§ **EXERCISE DIRECTIONS**:
Below is a block of entries; repeat exactly the lines starting at the line that contains "site_placement = place(None, origin())" and ending at the line that contains "frame((0.0, 0.0, 90.0)))", both included.
========
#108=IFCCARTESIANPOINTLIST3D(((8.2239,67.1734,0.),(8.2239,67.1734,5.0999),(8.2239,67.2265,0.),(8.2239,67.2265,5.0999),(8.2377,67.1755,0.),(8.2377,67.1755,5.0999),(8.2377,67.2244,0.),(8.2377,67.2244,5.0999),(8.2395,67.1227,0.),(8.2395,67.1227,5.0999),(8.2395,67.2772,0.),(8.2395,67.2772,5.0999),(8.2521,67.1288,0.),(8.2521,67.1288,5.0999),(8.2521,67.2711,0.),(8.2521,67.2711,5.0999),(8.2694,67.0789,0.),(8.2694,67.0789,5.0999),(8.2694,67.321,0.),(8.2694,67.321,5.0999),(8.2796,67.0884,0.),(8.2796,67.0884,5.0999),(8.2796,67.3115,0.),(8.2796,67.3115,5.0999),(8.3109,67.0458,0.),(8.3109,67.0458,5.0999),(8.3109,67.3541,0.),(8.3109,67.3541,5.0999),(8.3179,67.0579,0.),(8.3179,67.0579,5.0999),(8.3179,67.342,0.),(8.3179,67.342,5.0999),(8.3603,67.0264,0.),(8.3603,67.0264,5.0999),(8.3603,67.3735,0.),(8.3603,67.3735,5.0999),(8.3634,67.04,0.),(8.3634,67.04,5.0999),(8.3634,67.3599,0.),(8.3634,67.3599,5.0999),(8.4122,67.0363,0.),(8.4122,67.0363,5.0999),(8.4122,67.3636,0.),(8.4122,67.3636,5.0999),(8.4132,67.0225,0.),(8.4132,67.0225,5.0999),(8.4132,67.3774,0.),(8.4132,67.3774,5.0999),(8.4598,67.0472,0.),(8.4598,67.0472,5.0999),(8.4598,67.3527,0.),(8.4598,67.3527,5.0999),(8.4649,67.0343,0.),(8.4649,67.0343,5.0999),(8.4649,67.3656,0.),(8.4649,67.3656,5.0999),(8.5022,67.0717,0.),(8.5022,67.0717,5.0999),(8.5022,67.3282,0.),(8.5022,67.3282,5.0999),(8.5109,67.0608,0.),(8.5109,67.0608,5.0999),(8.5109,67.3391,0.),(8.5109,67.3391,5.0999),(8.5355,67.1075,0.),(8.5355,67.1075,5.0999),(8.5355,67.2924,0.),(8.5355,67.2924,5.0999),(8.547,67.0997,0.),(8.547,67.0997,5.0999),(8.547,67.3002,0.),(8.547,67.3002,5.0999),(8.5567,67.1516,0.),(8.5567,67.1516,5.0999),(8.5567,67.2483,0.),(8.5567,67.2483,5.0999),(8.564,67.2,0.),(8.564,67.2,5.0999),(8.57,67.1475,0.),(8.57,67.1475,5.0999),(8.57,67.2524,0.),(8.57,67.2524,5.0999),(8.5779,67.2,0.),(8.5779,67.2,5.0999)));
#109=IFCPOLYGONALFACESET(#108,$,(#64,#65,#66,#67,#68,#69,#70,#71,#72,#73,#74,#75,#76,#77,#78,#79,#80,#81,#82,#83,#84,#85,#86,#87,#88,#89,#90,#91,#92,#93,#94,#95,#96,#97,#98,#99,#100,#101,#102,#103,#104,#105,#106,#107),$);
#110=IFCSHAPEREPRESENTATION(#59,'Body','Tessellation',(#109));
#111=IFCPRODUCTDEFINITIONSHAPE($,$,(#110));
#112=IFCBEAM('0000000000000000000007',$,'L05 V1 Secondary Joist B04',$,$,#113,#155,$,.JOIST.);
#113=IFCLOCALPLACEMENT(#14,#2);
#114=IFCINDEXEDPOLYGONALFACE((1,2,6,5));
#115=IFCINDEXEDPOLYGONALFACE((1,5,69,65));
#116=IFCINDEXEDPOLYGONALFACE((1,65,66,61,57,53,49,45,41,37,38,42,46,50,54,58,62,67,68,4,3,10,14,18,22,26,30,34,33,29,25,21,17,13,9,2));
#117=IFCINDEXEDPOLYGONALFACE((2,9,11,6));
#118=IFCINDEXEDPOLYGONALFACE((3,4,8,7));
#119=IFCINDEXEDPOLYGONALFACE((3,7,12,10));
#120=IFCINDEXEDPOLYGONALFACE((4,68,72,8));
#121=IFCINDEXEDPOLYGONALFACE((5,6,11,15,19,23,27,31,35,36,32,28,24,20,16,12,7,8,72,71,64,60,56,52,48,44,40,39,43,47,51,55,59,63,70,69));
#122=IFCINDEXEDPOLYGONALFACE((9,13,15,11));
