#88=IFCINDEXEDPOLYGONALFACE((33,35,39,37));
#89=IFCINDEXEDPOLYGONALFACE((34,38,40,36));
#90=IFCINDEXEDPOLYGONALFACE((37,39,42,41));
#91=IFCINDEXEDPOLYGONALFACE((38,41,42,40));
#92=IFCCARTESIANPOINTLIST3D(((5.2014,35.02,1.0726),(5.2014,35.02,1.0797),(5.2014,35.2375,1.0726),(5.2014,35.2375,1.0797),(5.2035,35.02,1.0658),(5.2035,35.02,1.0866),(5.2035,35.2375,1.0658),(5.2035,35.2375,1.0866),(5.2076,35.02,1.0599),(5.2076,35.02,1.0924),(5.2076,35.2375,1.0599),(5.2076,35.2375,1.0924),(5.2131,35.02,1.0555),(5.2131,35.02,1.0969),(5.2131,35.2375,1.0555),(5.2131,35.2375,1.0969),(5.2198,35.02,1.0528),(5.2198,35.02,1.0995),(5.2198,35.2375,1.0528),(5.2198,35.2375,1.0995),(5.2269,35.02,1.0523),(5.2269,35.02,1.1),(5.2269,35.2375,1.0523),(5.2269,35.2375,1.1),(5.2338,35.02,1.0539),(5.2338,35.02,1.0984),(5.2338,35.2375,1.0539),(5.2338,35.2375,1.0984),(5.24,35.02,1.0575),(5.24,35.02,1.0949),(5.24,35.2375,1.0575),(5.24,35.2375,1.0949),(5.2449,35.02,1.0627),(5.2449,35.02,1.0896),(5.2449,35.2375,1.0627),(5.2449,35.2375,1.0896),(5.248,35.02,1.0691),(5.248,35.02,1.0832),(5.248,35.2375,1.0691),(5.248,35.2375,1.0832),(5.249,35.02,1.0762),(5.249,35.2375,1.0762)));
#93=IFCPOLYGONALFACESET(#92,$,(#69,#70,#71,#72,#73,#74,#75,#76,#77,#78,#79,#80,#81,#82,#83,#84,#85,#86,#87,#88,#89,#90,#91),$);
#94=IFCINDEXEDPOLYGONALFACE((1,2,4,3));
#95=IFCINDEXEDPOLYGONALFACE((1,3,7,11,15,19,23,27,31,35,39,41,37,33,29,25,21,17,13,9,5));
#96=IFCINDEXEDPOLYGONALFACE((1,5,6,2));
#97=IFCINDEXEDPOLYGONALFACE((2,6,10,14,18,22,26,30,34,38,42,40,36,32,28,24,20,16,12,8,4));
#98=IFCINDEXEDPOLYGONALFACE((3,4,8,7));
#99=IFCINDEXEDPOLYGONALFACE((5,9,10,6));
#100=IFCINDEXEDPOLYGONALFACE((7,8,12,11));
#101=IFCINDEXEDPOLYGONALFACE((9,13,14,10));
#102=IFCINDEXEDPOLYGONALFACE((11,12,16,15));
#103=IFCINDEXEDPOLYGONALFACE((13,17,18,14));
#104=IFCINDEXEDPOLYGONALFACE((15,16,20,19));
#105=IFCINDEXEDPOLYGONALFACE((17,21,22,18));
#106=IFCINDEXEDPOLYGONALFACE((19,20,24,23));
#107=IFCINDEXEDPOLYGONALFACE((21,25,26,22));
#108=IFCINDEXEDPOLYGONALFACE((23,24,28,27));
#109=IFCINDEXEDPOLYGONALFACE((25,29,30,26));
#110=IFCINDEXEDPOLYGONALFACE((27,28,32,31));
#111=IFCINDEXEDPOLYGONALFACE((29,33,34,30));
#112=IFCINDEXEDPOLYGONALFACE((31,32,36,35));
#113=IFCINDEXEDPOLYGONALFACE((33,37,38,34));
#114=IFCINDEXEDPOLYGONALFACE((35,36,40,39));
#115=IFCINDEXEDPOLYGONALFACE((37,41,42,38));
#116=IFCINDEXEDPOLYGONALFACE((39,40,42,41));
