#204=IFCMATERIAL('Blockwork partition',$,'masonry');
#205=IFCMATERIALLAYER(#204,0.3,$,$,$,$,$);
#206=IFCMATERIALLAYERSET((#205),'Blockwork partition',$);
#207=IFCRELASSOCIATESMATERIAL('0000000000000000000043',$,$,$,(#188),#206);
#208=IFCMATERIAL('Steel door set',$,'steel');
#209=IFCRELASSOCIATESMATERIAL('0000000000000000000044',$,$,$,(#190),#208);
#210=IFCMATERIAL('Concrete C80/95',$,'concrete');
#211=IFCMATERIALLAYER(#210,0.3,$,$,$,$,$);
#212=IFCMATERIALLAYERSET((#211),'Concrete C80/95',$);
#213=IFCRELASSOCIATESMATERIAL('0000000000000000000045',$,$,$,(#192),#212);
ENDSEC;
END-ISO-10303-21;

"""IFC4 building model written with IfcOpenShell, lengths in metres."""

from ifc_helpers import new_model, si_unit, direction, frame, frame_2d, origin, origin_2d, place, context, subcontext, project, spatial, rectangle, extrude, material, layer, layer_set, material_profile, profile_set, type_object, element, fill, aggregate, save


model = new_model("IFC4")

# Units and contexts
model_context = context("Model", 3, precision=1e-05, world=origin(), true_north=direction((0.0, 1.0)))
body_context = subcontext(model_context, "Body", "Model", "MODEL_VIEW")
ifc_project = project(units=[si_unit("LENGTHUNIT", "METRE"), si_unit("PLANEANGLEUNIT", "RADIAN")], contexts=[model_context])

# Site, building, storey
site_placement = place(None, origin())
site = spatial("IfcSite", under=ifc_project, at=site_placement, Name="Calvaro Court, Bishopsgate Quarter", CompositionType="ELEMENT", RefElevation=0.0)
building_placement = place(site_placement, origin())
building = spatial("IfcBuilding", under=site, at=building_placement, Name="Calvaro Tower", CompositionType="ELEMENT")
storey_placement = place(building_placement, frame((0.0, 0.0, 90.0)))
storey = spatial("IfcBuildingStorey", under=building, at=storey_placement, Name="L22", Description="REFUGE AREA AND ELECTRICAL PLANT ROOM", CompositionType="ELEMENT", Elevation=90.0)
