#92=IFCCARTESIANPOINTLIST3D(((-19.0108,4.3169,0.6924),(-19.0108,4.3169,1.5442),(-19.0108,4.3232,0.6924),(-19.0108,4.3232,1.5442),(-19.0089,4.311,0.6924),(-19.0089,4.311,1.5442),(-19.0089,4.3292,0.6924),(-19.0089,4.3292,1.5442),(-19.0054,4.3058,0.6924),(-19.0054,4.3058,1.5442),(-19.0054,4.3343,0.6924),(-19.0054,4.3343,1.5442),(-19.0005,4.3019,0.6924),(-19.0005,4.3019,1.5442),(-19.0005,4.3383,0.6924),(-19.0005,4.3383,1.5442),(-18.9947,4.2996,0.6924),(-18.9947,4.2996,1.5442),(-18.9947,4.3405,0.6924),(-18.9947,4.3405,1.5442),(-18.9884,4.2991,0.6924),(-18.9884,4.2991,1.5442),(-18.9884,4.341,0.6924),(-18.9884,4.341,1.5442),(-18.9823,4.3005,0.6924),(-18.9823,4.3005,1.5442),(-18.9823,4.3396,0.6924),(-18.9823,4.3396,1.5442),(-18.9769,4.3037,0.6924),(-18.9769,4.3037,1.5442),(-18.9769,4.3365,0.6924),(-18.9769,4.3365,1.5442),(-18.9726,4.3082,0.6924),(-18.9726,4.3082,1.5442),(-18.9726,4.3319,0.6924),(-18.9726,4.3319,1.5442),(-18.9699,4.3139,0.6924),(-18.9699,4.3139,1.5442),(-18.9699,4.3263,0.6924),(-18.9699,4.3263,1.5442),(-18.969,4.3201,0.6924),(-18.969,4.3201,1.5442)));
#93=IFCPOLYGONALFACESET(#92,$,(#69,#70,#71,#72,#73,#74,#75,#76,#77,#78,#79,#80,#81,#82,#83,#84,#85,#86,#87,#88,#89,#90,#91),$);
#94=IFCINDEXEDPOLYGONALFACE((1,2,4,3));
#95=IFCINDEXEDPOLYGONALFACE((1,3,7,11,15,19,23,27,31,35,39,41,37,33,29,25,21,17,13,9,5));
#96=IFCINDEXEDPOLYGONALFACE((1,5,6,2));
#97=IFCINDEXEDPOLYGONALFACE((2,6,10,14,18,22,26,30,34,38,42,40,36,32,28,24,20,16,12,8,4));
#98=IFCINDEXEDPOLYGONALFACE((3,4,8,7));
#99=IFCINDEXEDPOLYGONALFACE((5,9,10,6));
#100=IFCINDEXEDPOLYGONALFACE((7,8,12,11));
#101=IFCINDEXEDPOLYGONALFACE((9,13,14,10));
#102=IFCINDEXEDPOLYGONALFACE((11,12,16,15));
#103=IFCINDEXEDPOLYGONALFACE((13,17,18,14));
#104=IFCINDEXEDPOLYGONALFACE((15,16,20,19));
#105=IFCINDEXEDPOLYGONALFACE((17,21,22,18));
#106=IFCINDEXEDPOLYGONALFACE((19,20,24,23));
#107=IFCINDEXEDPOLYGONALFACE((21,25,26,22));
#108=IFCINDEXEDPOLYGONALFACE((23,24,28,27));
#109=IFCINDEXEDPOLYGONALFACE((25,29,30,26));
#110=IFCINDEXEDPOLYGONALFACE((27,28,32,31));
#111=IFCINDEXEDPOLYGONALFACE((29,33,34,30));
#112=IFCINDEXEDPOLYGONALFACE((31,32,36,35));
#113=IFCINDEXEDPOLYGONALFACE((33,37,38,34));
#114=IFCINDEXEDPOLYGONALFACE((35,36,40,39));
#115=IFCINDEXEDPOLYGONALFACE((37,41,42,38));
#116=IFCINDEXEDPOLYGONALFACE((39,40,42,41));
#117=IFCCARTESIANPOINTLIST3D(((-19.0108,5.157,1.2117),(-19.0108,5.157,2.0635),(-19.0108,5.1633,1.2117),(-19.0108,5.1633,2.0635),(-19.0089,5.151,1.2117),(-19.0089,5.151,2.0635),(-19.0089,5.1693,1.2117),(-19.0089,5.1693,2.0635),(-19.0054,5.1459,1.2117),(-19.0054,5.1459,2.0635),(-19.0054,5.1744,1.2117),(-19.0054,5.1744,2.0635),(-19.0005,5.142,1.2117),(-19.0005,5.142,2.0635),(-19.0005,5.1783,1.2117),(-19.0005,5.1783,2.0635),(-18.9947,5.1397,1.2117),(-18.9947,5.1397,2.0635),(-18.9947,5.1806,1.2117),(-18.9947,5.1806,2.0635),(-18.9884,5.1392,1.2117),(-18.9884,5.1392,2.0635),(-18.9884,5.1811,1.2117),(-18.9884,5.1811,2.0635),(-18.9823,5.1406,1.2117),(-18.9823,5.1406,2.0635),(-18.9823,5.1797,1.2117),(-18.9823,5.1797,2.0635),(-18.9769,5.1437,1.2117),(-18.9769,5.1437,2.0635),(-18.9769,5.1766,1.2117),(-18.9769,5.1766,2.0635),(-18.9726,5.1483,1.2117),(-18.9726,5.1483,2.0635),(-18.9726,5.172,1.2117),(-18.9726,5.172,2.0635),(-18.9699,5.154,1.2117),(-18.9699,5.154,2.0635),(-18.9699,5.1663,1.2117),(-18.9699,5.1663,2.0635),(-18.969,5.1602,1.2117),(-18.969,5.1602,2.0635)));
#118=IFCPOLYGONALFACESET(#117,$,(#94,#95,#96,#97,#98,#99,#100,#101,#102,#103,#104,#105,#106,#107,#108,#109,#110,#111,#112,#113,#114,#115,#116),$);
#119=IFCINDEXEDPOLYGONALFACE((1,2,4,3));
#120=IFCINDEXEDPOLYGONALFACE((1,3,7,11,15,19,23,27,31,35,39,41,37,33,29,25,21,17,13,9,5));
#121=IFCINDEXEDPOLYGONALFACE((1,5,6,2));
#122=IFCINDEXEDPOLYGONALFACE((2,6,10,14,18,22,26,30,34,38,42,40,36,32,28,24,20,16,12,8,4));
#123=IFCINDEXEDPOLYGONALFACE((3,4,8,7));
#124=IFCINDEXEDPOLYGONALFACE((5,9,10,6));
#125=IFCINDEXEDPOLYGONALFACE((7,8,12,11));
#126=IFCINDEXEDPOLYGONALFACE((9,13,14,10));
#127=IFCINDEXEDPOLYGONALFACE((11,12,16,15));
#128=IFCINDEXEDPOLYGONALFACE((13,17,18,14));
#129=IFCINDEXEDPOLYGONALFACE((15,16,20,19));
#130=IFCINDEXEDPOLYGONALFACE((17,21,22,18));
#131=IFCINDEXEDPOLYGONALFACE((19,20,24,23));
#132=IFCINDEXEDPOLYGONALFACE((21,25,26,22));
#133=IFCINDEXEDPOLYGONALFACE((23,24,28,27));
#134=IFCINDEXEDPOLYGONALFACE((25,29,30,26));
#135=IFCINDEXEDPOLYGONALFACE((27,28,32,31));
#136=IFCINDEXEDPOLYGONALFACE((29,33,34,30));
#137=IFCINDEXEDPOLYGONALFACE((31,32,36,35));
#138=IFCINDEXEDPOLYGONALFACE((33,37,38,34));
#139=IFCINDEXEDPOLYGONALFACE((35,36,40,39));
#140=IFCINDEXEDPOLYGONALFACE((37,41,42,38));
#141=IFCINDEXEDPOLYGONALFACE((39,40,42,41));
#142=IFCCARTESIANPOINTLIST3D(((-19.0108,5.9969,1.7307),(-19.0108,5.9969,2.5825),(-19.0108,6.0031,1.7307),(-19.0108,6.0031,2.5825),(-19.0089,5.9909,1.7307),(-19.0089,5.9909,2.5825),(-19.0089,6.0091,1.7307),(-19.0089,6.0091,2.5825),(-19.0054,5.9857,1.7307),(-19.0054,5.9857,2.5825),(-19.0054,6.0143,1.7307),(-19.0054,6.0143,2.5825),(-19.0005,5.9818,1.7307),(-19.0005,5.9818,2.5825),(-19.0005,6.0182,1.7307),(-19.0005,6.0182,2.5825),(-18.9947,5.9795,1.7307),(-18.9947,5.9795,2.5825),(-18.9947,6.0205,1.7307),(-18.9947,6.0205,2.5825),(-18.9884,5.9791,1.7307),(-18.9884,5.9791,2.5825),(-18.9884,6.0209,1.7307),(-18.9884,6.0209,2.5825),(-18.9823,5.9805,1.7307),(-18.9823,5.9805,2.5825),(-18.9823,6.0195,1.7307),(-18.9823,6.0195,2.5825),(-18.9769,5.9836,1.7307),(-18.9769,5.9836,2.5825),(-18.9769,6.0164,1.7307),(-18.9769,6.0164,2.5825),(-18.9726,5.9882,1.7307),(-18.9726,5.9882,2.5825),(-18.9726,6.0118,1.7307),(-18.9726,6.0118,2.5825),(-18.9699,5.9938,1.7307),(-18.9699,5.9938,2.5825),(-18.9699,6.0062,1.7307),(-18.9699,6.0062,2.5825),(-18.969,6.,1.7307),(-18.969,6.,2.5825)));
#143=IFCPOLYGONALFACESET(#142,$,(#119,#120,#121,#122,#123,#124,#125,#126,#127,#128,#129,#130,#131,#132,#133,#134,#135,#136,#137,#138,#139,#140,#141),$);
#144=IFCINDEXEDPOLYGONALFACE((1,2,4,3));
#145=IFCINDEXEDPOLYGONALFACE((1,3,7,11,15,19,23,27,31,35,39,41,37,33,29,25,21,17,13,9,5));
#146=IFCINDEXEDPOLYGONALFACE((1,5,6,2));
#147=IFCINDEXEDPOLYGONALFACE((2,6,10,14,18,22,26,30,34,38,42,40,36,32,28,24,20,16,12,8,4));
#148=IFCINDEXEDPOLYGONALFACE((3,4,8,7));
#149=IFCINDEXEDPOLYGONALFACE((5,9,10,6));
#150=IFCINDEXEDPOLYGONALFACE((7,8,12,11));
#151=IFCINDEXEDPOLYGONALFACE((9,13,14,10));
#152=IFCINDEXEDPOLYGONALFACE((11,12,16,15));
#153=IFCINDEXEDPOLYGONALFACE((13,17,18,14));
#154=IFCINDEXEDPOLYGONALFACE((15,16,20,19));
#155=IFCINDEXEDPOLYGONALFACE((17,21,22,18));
========
§ **ANSWER AREA**:
site_placement = place(None, origin())
site = spatial("IfcSite", under=ifc_project, at=site_placement, Name="Calvaro Court, Bishopsgate Quarter", CompositionType="ELEMENT", RefElevation=0.0)
building_placement = place(site_placement, origin())
building = spatial("IfcBuilding", under=site, at=building_placement, Name="Calvaro Tower", CompositionType="ELEMENT")
storey_placement = place(building_placement, frame((0.0, 0.0, 90.0)))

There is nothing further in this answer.